═══ Available data ═══

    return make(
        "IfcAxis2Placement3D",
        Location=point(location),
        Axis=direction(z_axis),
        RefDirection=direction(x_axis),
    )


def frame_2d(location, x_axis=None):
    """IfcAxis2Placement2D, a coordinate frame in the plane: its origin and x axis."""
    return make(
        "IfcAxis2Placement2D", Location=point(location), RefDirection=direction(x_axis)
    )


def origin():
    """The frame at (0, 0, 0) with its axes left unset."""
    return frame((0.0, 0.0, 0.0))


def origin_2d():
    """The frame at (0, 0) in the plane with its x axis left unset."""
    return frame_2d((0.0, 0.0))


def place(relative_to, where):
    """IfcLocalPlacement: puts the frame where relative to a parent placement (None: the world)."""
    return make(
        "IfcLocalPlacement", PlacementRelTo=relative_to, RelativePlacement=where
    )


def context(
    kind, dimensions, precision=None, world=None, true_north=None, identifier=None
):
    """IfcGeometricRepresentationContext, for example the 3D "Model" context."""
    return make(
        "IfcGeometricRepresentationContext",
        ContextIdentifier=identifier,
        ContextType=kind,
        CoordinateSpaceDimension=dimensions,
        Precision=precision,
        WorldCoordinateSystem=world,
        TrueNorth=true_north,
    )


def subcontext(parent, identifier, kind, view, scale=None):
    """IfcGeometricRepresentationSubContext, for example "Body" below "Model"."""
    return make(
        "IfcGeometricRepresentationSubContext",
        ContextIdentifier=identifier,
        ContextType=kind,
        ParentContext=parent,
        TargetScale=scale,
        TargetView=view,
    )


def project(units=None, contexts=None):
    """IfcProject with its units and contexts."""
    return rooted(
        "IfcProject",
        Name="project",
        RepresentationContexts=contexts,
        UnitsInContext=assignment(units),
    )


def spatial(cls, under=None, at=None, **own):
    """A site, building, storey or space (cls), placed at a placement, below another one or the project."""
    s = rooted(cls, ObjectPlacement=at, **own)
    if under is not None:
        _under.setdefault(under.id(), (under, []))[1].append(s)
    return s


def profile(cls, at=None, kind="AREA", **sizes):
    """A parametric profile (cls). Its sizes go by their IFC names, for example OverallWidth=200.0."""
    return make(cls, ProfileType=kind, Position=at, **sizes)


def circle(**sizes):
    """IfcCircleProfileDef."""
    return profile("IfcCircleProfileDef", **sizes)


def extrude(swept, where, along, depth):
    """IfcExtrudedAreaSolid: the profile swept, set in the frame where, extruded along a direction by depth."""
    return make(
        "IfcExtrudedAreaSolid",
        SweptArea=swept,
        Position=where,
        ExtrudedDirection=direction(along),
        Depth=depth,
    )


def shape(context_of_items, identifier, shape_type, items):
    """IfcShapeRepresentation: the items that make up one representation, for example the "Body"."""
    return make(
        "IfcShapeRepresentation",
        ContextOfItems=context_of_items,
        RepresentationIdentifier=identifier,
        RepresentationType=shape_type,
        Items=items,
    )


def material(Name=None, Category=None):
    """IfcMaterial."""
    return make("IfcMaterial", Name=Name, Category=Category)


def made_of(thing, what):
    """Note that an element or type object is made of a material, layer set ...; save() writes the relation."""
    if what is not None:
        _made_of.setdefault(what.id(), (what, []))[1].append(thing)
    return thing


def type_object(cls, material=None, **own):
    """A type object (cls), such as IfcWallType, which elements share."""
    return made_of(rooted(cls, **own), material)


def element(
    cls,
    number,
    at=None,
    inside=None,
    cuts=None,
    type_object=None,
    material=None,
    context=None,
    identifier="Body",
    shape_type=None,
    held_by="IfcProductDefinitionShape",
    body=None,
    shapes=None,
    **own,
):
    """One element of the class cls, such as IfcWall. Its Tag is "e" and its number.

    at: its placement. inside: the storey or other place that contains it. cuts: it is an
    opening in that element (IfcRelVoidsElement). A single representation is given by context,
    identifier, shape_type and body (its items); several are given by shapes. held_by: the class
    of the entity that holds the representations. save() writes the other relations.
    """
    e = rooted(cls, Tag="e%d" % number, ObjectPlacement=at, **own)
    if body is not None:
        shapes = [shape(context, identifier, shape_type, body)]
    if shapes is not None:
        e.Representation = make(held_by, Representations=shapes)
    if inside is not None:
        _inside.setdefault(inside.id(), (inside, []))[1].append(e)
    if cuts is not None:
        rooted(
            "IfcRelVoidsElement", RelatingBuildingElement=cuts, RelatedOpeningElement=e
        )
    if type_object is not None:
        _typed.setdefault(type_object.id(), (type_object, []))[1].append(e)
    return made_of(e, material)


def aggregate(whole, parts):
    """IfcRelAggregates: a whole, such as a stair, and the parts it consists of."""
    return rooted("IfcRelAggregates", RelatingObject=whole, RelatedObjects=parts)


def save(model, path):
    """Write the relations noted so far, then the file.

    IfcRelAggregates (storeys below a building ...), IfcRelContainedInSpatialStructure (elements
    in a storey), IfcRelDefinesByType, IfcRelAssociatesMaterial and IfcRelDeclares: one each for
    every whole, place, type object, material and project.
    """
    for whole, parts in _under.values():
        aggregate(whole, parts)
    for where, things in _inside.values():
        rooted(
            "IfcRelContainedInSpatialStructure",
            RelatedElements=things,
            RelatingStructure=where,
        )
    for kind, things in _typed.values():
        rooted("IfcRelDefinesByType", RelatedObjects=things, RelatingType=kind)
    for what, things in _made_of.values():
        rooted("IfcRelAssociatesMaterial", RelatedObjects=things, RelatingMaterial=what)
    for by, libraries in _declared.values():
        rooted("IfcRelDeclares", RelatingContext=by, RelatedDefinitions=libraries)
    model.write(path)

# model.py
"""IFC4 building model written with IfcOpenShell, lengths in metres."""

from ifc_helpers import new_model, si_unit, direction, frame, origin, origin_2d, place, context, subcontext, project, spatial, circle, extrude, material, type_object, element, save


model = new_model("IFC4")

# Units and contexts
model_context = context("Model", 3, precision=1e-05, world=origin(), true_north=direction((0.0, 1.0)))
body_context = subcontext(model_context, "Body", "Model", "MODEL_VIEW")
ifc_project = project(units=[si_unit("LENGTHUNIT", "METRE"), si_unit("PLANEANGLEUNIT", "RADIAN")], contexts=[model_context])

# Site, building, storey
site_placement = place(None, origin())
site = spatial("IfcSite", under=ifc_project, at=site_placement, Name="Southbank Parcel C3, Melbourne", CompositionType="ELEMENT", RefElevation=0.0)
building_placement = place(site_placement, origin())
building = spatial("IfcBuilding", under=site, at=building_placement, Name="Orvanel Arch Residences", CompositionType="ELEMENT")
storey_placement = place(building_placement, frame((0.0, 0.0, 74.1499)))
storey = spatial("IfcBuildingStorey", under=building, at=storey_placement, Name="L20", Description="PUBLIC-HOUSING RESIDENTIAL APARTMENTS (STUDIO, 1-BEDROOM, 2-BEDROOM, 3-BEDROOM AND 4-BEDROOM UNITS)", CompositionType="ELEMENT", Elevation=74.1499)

═══
═══ Available data ═══

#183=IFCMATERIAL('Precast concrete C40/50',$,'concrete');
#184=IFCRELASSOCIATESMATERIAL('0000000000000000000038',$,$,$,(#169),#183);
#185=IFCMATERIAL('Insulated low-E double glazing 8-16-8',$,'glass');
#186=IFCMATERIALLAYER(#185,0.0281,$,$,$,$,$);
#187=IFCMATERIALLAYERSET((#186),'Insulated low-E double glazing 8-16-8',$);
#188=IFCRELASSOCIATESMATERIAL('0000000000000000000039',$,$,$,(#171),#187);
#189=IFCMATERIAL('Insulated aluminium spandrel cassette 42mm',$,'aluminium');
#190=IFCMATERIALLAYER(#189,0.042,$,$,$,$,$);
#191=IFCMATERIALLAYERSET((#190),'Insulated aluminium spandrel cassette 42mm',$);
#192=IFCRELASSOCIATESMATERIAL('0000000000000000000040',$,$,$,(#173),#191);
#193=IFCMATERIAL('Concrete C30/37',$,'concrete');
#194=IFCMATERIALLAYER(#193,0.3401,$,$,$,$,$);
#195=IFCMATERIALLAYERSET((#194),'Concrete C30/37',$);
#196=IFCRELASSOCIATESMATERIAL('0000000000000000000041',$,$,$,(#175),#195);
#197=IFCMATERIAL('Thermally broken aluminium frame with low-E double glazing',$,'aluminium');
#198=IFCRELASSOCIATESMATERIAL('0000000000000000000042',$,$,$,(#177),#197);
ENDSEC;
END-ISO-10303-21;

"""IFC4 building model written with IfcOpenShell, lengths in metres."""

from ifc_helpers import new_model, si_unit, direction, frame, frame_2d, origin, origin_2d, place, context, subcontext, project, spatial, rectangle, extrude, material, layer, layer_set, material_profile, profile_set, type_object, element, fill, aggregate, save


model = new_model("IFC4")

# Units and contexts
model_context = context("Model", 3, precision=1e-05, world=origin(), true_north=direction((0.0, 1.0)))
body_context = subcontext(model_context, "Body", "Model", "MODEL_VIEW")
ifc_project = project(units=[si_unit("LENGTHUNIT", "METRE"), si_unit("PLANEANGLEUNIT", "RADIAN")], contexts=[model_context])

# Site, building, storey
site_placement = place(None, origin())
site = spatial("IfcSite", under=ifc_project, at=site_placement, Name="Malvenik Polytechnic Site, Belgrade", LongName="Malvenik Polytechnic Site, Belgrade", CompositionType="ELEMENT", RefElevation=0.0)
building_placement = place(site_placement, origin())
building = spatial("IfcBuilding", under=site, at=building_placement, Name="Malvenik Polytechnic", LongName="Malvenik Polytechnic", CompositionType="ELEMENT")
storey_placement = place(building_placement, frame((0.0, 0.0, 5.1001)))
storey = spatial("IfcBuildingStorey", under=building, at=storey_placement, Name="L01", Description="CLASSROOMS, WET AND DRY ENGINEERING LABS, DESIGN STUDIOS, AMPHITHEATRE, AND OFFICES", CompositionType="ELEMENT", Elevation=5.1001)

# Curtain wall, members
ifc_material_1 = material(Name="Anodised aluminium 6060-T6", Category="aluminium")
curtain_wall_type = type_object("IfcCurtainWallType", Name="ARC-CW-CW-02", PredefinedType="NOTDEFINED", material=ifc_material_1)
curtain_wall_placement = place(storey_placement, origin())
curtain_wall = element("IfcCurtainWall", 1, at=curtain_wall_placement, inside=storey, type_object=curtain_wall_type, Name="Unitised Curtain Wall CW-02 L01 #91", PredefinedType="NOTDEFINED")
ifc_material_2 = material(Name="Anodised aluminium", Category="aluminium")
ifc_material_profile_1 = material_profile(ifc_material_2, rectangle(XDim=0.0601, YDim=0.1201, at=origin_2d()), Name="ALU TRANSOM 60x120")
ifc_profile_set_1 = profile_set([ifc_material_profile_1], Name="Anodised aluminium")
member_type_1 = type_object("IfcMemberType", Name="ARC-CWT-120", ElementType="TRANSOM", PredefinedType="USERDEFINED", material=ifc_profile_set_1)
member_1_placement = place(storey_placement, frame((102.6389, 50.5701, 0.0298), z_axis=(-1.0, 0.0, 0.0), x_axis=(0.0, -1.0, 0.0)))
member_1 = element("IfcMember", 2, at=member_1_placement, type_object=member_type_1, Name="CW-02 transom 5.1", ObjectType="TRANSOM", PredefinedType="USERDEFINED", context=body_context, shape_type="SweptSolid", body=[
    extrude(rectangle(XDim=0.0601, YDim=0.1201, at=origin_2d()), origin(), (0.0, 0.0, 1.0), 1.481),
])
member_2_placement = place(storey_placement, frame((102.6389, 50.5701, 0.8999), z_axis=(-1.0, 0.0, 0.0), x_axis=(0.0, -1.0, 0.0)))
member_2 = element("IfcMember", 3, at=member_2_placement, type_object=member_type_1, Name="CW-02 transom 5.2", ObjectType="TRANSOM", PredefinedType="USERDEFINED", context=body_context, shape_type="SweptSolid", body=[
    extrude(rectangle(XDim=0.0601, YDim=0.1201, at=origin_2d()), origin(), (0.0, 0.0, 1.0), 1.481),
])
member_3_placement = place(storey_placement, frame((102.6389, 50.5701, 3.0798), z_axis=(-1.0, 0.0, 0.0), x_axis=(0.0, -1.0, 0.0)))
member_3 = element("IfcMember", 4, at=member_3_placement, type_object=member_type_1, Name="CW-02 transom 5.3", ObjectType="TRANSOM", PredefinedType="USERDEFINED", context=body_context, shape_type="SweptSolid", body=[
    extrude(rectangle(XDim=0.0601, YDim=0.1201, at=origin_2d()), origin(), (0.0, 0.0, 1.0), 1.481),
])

═══

Work item >> Copy out each line from the listing that contains the string "RefDirection".

Response >>
        RefDirection=direction(x_axis),
        "IfcAxis2Placement2D", Location=point(location), RefDirection=direction(x_axis)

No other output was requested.